* **What the task requires**:
From the first line of the records down to the one that holds "#114=IFCWALL('0000000000000000000012',$,'L53 Faculty Academic", transcribe each line exactly and add nothing.

Records from a data source
----------

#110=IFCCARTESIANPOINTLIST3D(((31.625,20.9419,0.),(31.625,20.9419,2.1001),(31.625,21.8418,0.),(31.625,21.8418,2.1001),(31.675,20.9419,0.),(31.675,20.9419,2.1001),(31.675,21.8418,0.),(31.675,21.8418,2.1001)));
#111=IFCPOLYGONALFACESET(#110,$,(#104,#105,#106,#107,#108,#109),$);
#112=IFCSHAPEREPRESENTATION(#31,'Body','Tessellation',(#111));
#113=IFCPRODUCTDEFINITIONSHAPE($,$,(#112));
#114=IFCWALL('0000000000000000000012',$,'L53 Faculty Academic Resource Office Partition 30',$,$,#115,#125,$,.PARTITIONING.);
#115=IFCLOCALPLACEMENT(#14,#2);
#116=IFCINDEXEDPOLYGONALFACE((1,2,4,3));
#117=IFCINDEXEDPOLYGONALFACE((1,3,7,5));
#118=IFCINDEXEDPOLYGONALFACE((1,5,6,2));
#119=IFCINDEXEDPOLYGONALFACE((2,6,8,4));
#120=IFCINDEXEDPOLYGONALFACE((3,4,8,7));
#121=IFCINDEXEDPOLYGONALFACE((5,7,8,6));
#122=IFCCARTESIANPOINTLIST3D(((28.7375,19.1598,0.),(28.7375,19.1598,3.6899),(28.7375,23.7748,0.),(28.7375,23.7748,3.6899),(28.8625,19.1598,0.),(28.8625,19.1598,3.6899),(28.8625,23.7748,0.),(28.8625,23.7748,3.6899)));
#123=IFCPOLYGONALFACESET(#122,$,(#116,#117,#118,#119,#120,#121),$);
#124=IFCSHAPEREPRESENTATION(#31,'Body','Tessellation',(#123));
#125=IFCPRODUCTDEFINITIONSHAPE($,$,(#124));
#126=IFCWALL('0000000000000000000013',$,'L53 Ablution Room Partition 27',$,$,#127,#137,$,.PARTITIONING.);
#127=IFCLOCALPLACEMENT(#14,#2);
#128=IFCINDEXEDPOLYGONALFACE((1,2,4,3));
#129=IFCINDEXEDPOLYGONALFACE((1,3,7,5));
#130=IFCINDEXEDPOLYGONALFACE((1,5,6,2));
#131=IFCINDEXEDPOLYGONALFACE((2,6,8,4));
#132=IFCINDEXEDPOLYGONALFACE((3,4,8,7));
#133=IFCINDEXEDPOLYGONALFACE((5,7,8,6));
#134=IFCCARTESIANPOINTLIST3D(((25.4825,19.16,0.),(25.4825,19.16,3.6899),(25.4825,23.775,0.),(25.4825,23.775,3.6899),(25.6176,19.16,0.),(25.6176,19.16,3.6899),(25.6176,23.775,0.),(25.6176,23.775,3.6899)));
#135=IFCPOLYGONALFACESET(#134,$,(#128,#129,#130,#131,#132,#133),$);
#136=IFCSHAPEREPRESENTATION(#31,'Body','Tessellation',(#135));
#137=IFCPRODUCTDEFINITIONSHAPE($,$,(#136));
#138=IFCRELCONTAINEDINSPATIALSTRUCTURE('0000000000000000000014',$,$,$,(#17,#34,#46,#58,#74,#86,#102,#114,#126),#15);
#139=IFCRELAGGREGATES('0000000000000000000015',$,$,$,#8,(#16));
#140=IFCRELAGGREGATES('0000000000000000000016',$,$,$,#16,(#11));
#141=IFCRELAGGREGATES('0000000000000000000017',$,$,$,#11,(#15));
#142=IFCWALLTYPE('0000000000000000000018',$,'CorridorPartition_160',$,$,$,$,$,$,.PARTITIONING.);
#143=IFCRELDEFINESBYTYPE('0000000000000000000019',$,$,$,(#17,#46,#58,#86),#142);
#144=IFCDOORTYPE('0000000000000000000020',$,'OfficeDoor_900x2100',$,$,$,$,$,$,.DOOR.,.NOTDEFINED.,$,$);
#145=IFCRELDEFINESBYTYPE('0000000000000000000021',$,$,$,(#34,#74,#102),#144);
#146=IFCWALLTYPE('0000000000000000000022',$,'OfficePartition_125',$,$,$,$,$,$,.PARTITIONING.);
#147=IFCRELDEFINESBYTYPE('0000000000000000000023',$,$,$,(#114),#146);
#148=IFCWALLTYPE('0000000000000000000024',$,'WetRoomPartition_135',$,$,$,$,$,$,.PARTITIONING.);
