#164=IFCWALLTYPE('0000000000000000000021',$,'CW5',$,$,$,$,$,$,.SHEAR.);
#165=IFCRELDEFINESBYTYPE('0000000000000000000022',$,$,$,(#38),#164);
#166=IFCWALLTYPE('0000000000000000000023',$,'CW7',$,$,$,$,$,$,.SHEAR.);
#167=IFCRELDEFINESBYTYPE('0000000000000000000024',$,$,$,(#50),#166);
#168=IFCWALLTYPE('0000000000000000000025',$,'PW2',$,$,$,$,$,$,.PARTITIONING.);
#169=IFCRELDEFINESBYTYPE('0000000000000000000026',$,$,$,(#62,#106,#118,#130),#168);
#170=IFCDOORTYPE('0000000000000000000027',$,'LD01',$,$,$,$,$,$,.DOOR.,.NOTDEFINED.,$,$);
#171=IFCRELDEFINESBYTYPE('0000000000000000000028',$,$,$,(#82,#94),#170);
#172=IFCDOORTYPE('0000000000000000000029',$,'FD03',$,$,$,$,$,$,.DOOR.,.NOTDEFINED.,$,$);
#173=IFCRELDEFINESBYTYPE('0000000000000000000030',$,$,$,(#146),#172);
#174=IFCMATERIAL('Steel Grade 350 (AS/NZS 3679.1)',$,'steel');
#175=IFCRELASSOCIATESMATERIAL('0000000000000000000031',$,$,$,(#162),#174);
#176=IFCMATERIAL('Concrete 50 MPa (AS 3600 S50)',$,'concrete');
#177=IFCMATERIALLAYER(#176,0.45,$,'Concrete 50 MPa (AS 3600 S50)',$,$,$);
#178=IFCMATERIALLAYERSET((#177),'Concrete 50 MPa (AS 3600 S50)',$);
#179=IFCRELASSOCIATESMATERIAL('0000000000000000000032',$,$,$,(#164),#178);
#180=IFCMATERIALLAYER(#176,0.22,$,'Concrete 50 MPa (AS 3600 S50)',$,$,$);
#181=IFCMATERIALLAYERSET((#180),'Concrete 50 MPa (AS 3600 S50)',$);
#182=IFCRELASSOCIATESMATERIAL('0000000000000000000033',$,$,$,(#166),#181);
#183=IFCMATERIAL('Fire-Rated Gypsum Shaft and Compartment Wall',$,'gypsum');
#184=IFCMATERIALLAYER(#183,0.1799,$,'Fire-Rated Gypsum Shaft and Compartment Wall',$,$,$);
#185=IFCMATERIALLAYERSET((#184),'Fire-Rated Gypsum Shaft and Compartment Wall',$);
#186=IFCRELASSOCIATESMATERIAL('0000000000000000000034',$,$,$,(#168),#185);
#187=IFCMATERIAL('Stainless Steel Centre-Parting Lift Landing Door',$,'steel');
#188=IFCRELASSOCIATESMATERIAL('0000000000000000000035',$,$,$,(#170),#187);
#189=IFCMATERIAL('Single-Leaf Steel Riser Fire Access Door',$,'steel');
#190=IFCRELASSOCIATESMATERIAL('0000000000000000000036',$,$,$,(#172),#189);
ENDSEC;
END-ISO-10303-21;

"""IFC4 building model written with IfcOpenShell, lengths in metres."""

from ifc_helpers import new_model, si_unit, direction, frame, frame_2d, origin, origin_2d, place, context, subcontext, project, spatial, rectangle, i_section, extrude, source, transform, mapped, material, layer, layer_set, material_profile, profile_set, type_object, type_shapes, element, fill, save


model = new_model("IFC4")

----------

* **Worked solution**:
#110=IFCCARTESIANPOINTLIST3D(((31.625,20.9419,0.),(31.625,20.9419,2.1001),(31.625,21.8418,0.),(31.625,21.8418,2.1001),(31.675,20.9419,0.),(31.675,20.9419,2.1001),(31.675,21.8418,0.),(31.675,21.8418,2.1001)));
#111=IFCPOLYGONALFACESET(#110,$,(#104,#105,#106,#107,#108,#109),$);
#112=IFCSHAPEREPRESENTATION(#31,'Body','Tessellation',(#111));
#113=IFCPRODUCTDEFINITIONSHAPE($,$,(#112));
#114=IFCWALL('0000000000000000000012',$,'L53 Faculty Academic Resource Office Partition 30',$,$,#115,#125,$,.PARTITIONING.);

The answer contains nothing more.